Material provided:
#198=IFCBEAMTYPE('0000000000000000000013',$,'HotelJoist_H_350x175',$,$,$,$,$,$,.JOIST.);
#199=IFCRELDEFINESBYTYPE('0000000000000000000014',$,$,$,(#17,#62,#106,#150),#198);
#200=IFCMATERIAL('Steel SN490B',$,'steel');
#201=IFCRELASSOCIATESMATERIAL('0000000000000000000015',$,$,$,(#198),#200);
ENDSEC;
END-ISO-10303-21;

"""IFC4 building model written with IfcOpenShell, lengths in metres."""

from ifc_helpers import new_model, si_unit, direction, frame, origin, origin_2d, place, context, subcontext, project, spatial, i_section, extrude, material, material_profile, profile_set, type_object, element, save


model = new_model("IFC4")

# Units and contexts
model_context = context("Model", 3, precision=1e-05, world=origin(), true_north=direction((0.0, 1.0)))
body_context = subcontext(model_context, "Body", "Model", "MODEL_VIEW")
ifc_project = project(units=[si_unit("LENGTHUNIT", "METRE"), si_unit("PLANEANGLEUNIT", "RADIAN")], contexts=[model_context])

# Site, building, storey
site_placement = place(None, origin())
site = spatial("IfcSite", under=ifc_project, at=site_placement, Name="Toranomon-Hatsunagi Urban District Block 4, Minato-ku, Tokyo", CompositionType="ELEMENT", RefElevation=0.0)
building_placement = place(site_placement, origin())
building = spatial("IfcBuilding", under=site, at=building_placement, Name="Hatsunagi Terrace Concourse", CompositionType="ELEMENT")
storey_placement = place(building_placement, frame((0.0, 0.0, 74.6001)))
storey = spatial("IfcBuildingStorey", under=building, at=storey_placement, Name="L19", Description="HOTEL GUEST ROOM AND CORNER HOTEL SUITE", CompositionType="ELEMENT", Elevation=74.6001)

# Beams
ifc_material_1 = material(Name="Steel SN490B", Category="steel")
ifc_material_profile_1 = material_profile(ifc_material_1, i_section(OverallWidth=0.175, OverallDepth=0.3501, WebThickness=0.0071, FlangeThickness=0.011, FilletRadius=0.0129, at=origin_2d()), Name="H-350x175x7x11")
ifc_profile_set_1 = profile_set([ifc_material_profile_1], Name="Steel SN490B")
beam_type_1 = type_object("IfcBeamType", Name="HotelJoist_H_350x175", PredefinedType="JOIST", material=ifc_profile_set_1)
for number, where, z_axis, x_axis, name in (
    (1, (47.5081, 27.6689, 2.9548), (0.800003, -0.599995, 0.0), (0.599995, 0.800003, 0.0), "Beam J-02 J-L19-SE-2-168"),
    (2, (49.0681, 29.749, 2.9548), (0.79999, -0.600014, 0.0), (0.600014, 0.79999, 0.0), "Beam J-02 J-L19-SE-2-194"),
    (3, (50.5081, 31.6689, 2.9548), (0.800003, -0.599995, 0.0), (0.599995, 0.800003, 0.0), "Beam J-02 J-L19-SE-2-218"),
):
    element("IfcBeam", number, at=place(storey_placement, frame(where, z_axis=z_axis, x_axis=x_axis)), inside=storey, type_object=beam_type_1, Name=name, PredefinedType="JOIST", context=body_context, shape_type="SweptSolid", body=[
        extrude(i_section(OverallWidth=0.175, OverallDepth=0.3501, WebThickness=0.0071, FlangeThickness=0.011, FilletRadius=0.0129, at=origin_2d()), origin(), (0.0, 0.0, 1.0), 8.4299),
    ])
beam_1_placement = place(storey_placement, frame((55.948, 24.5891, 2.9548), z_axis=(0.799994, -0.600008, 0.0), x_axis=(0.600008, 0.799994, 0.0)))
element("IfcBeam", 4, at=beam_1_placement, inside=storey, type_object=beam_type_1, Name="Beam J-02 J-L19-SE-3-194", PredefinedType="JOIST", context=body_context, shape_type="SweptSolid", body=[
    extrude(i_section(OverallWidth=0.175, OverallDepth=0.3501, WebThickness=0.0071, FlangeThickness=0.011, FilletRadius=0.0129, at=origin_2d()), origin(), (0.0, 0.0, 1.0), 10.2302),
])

Problem: Beginning with the opening line above, retype the records exactly through the line with "# Units and contexts", both ends included.

Reply:
#198=IFCBEAMTYPE('0000000000000000000013',$,'HotelJoist_H_350x175',$,$,$,$,$,$,.JOIST.);
#199=IFCRELDEFINESBYTYPE('0000000000000000000014',$,$,$,(#17,#62,#106,#150),#198);
#200=IFCMATERIAL('Steel SN490B',$,'steel');
#201=IFCRELASSOCIATESMATERIAL('0000000000000000000015',$,$,$,(#198),#200);
ENDSEC;
END-ISO-10303-21;

"""IFC4 building model written with IfcOpenShell, lengths in metres."""

from ifc_helpers import new_model, si_unit, direction, frame, origin, origin_2d, place, context, subcontext, project, spatial, i_section, extrude, material, material_profile, profile_set, type_object, element, save


model = new_model("IFC4")

# Units and contexts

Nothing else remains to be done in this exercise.